Repeat exactly, and only, the lines below starting at the line that contains "#58=IFCINDEXEDPOLYGONALFACE((1,5,6,2));" and ending at the line that contains "#61=IFCINDEXEDPOLYGONALFACE((5,7,8,6));", inclusive of both.

Collection entries:
──────────

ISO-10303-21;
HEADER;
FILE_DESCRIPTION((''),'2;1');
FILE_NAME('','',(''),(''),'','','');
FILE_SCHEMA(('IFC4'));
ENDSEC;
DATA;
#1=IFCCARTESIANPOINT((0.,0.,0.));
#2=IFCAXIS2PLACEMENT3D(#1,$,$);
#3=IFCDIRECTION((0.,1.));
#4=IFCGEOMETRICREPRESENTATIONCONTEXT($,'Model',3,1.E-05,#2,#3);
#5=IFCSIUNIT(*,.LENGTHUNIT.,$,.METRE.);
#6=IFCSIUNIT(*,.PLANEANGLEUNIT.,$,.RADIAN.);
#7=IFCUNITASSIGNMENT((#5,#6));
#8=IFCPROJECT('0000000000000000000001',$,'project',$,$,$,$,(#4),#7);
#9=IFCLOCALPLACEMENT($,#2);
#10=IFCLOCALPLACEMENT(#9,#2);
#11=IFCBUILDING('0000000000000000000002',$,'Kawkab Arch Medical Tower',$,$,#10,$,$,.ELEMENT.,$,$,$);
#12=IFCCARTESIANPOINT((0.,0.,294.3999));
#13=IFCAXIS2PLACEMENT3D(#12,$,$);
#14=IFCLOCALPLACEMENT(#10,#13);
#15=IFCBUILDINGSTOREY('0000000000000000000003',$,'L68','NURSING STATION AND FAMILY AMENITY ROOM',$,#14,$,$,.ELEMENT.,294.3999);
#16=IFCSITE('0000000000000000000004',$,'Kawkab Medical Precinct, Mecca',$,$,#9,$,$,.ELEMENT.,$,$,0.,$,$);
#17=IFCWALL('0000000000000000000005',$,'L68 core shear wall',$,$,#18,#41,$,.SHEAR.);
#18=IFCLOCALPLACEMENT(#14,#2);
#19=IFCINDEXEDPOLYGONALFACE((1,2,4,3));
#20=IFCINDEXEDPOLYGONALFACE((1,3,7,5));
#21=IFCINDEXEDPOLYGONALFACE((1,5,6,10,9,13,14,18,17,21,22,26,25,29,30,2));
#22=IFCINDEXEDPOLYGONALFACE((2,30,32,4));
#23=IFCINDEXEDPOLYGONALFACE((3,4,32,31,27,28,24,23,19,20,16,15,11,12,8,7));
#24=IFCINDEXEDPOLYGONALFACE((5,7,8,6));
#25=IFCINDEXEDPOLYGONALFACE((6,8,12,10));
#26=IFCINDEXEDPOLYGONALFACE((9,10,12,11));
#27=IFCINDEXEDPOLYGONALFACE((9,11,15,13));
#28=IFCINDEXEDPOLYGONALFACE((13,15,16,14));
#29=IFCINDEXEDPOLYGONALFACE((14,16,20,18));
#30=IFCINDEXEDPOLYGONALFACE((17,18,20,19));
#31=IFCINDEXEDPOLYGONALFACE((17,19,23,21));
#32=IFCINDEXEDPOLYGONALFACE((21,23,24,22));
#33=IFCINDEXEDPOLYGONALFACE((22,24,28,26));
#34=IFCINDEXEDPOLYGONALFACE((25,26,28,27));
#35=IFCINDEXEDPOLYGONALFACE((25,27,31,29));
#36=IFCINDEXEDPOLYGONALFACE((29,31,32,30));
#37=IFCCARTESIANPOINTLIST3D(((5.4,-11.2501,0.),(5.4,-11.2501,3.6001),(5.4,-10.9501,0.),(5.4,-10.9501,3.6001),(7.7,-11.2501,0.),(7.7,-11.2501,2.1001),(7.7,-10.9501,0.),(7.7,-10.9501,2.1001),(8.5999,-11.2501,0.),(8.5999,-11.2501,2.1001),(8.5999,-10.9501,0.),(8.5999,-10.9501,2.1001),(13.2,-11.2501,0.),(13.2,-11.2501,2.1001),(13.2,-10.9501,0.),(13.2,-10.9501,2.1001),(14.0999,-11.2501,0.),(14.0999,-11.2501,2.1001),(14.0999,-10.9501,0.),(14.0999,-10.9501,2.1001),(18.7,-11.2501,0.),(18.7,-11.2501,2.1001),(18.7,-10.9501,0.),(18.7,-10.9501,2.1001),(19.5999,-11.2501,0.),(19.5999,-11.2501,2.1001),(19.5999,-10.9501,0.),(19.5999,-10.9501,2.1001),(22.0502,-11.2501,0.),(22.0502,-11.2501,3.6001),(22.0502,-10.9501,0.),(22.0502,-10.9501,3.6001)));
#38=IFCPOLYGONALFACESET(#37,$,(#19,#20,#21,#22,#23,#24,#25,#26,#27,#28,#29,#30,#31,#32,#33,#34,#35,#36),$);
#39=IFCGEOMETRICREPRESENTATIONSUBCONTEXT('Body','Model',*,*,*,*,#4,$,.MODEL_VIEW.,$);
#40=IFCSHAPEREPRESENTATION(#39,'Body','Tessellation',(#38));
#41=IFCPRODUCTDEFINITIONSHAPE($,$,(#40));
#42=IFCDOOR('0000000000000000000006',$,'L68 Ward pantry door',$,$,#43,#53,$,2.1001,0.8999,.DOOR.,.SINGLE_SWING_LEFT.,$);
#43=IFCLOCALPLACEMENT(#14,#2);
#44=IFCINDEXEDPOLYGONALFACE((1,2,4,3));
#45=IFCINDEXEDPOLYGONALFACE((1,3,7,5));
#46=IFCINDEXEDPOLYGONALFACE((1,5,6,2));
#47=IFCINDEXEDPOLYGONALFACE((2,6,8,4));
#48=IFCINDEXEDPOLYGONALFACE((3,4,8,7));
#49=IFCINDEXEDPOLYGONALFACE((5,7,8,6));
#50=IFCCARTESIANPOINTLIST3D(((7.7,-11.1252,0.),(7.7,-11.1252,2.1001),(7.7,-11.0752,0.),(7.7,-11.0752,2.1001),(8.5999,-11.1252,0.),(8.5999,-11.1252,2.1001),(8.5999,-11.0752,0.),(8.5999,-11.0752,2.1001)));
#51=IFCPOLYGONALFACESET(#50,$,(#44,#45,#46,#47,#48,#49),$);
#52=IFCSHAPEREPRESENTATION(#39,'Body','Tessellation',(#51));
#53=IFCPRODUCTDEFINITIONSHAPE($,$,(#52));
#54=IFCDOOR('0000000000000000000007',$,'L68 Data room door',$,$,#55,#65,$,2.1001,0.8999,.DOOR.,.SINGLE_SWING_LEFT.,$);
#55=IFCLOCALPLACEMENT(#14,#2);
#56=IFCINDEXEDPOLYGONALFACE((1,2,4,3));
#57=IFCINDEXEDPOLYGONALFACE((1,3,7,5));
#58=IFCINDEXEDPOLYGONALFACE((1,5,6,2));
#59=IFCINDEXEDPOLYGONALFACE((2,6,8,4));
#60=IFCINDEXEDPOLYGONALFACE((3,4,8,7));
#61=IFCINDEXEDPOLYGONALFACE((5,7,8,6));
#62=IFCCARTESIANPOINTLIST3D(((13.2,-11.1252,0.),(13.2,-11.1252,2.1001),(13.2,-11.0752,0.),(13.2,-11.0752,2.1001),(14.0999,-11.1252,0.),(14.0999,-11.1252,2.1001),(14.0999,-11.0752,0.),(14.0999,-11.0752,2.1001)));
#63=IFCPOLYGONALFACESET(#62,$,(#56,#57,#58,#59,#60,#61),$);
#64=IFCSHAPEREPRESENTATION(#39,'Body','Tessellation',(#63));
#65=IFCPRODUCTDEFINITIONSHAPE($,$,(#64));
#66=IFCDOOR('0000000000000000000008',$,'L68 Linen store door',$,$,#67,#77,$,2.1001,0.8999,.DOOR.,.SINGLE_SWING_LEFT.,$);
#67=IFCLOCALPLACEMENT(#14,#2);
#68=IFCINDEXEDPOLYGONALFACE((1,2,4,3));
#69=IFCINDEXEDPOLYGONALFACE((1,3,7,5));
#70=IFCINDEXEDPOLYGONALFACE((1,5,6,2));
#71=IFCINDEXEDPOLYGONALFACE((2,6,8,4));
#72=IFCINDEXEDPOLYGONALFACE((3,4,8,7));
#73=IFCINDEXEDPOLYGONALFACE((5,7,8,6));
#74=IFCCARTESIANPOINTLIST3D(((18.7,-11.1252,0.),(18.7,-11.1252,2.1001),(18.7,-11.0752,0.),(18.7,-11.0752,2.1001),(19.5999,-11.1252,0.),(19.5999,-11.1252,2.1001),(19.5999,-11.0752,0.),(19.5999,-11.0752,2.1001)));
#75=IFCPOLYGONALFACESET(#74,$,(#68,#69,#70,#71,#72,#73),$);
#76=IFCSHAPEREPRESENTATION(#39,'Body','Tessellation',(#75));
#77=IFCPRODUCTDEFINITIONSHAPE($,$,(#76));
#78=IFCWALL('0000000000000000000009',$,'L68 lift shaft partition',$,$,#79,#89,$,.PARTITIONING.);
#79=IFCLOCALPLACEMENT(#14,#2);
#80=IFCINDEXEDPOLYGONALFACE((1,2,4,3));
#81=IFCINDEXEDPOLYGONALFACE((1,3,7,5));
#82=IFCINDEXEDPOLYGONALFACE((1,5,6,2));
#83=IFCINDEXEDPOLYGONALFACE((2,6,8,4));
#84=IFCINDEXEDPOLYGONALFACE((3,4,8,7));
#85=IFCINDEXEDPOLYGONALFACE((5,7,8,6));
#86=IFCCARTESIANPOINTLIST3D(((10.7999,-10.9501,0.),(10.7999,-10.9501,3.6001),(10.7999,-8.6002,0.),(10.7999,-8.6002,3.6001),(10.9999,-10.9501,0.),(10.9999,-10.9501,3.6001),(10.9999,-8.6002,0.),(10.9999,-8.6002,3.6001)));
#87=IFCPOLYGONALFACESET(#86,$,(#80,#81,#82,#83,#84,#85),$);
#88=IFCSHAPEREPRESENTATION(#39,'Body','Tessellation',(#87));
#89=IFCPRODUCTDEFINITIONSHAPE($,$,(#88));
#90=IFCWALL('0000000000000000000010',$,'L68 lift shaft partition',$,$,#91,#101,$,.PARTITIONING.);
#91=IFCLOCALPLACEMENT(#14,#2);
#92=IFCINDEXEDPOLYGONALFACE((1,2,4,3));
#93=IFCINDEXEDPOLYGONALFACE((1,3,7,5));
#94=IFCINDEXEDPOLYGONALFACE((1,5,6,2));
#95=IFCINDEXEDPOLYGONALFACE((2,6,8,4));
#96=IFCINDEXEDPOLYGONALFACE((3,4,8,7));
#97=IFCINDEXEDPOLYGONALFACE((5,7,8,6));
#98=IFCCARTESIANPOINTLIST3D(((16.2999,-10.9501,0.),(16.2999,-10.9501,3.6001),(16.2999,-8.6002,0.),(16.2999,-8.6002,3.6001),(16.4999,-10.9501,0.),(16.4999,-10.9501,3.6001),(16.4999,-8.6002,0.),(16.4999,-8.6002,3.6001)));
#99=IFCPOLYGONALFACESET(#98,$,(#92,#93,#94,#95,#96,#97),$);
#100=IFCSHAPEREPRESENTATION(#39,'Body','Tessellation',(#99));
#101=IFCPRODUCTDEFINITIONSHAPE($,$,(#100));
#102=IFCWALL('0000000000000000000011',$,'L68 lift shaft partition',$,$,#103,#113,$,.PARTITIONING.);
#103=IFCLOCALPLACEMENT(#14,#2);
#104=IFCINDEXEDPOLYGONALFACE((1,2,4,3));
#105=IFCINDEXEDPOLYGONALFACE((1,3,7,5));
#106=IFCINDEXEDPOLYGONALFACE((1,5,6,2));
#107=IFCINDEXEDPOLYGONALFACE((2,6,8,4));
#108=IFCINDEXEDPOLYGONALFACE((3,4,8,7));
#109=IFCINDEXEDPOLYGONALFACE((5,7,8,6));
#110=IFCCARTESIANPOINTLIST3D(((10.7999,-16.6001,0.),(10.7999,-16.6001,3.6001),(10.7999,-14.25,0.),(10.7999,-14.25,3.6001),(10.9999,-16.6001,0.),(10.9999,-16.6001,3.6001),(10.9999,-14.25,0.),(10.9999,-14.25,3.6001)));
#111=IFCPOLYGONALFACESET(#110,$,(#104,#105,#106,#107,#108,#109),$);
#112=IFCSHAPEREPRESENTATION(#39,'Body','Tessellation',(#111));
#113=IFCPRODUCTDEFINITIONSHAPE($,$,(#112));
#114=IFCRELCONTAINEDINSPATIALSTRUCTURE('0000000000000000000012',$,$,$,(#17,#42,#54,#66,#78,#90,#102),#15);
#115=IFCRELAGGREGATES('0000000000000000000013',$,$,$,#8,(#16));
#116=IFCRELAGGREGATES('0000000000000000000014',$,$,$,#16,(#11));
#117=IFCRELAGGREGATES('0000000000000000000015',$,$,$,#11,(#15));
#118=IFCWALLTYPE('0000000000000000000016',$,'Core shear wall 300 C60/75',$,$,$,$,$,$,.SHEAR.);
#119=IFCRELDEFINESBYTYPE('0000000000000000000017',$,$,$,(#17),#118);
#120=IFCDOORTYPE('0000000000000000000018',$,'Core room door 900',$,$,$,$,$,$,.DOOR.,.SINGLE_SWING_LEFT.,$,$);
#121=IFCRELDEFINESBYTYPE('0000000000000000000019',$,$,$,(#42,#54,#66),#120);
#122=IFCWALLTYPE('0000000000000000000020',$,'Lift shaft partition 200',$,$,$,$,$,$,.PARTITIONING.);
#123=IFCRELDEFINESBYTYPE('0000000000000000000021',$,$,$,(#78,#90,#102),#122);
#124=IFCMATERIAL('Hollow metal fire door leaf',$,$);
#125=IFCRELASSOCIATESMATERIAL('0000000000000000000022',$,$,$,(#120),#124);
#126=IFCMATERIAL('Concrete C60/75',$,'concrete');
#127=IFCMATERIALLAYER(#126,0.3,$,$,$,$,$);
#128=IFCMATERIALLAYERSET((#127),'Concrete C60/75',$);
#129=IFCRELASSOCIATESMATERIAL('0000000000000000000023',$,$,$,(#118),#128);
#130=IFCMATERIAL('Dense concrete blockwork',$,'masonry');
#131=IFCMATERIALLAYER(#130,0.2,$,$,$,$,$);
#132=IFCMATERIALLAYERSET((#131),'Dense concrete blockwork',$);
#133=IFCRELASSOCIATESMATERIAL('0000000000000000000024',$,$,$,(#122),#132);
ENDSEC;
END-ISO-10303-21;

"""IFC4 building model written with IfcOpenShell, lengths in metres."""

from ifc_helpers import new_model, si_unit, direction, frame, frame_2d, origin, place, context, subcontext, project, spatial, rectangle, extrude, material, layer, layer_set, type_object, element, fill, save


model = new_model("IFC4")

# Units and contexts
model_context = context("Model", 3, precision=1e-05, world=origin(), true_north=direction((0.0, 1.0)))
body_context = subcontext(model_context, "Body", "Model", "MODEL_VIEW")
ifc_project = project(units=[si_unit("LENGTHUNIT", "METRE"), si_unit("PLANEANGLEUNIT", "RADIAN")], contexts=[model_context])

# Site, building, storey
site_placement = place(None, origin())
site = spatial("IfcSite", under=ifc_project, at=site_placement, Name="Kawkab Medical Precinct, Mecca", CompositionType="ELEMENT", RefElevation=0.0)
building_placement = place(site_placement, origin())
building = spatial("IfcBuilding", under=site, at=building_placement, Name="Kawkab Arch Medical Tower", CompositionType="ELEMENT")
storey_placement = place(building_placement, frame((0.0, 0.0, 294.3999)))
storey = spatial("IfcBuildingStorey", under=building, at=storey_placement, Name="L68", Description="NURSING STATION AND FAMILY AMENITY ROOM", CompositionType="ELEMENT", Elevation=294.3999)

# Shared definitions
ifc_material_1 = material(Name="Hollow metal fire door leaf")
door_type = type_object("IfcDoorType", Name="Core room door 900", OperationType="SINGLE_SWING_LEFT", PredefinedType="DOOR", material=ifc_material_1)

# Shared definitions
ifc_material_2 = material(Name="Concrete C60/75", Category="concrete")
ifc_layer_1 = layer(ifc_material_2, 0.3)
ifc_layer_set_1 = layer_set([ifc_layer_1], Name="Concrete C60/75")
wall_type_1 = type_object("IfcWallType", Name="Core shear wall 300 C60/75", PredefinedType="SHEAR", material=ifc_layer_set_1)

# Wall, openings, doors
wall_1_placement = place(storey_placement, frame((5.3999, -11.1001, 0.0), z_axis=(0.0, 0.0, 1.0), x_axis=(1.0, 0.0, 0.0)))
wall_1 = element("IfcWall", 1, at=wall_1_placement, inside=storey, type_object=wall_type_1, Name="L68 core shear wall", PredefinedType="SHEAR", context=body_context, shape_type="SweptSolid", body=[
    extrude(rectangle(XDim=16.6501, YDim=0.3, at=frame_2d((8.3252, 0.0))), origin(), (0.0, 0.0, 1.0), 3.6001),
])
opening_1_placement = place(wall_1_placement, frame((2.3, 0.0, 0.0)))
opening_1 = element("IfcOpeningElement", 2, at=opening_1_placement, cuts=wall_1, PredefinedType="OPENING", context=body_context, shape_type="SweptSolid", body=[
    extrude(rectangle(XDim=0.8999, YDim=2.1001, at=frame_2d((0.45, 1.05))), frame((0.0, 0.1599, 0.0), z_axis=(0.0, -1.0, 0.0), x_axis=(1.0, 0.0, 0.0)), (0.0, 0.0, 1.0), 0.3201),
])
opening_2_placement = place(wall_1_placement, frame((7.8, 0.0, 0.0)))
opening_2 = element("IfcOpeningElement", 3, at=opening_2_placement, cuts=wall_1, PredefinedType="OPENING", context=body_context, shape_type="SweptSolid", body=[
    extrude(rectangle(XDim=0.8999, YDim=2.1001, at=frame_2d((0.45, 1.05))), frame((0.0, 0.1599, 0.0), z_axis=(0.0, -1.0, 0.0), x_axis=(1.0, 0.0, 0.0)), (0.0, 0.0, 1.0), 0.3201),
])
opening_3_placement = place(wall_1_placement, frame((13.3, 0.0, 0.0)))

──────────

▶ _Solution for this task_
#58=IFCINDEXEDPOLYGONALFACE((1,5,6,2));
#59=IFCINDEXEDPOLYGONALFACE((2,6,8,4));
#60=IFCINDEXEDPOLYGONALFACE((3,4,8,7));
#61=IFCINDEXEDPOLYGONALFACE((5,7,8,6));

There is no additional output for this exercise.